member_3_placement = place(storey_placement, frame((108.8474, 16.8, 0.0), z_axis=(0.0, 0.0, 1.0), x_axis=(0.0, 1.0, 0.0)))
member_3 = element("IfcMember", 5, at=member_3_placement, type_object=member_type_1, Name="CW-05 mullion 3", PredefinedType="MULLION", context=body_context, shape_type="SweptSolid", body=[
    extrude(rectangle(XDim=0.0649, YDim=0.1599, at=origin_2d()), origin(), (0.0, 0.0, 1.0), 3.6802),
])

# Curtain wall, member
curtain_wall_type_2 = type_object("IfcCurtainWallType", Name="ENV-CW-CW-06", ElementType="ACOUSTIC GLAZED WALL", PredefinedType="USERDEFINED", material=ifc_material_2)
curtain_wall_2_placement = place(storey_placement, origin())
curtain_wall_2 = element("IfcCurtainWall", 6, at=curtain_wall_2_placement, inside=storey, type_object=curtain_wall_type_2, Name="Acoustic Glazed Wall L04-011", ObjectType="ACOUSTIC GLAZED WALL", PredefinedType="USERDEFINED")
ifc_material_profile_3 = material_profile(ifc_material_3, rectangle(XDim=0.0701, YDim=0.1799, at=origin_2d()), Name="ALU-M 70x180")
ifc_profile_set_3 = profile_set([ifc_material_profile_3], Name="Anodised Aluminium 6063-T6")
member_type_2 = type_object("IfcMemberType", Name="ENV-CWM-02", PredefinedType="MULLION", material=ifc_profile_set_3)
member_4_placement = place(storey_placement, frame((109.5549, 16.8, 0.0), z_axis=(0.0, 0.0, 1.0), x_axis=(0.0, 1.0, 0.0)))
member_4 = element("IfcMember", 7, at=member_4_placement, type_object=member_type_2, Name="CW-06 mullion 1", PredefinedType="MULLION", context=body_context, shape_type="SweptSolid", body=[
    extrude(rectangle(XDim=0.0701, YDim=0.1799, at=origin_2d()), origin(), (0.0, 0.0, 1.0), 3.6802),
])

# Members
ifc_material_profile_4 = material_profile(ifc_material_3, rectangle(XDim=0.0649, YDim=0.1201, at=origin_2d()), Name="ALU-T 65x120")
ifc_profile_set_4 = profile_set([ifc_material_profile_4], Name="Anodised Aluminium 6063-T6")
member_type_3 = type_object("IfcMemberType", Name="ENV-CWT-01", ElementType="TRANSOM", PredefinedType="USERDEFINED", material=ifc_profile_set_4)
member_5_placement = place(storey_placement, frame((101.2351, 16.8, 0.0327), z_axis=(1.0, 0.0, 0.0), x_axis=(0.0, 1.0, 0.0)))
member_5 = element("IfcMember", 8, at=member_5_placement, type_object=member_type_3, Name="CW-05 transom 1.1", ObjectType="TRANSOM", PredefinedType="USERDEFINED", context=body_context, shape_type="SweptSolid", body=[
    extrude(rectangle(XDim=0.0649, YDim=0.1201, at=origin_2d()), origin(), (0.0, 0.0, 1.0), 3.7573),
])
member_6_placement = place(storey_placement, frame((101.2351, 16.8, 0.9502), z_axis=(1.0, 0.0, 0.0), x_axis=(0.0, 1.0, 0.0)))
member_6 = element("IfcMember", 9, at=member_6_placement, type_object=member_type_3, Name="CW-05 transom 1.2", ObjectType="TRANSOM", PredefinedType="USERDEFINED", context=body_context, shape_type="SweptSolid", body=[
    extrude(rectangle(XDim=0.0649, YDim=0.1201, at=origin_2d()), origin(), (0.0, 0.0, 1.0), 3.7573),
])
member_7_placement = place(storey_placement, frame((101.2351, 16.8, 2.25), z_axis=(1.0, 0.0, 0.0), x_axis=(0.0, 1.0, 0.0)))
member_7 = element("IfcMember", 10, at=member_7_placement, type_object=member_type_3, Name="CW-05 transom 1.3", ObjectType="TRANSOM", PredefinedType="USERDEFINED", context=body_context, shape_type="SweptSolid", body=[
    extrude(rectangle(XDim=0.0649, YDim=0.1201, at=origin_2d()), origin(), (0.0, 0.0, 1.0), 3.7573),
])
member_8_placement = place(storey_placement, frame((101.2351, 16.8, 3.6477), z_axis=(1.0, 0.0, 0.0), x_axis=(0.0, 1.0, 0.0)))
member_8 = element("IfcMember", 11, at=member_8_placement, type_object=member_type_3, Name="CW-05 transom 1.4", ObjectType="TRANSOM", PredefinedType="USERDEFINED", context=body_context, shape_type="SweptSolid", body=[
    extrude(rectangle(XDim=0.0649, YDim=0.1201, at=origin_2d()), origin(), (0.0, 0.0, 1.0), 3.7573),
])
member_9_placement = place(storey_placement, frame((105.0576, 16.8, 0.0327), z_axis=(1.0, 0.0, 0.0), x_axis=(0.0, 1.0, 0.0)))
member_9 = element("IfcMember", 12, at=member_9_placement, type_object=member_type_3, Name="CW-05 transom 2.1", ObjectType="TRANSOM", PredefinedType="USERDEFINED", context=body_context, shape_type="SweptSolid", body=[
========================
Whenever the string "IfcMemberType" turns up in a line of the data, copy that line.

member_type_2 = type_object("IfcMemberType", Name="ENV-CWM-02", PredefinedType="MULLION", material=ifc_profile_set_3)
member_type_3 = type_object("IfcMemberType", Name="ENV-CWT-01", ElementType="TRANSOM", PredefinedType="USERDEFINED", material=ifc_profile_set_4)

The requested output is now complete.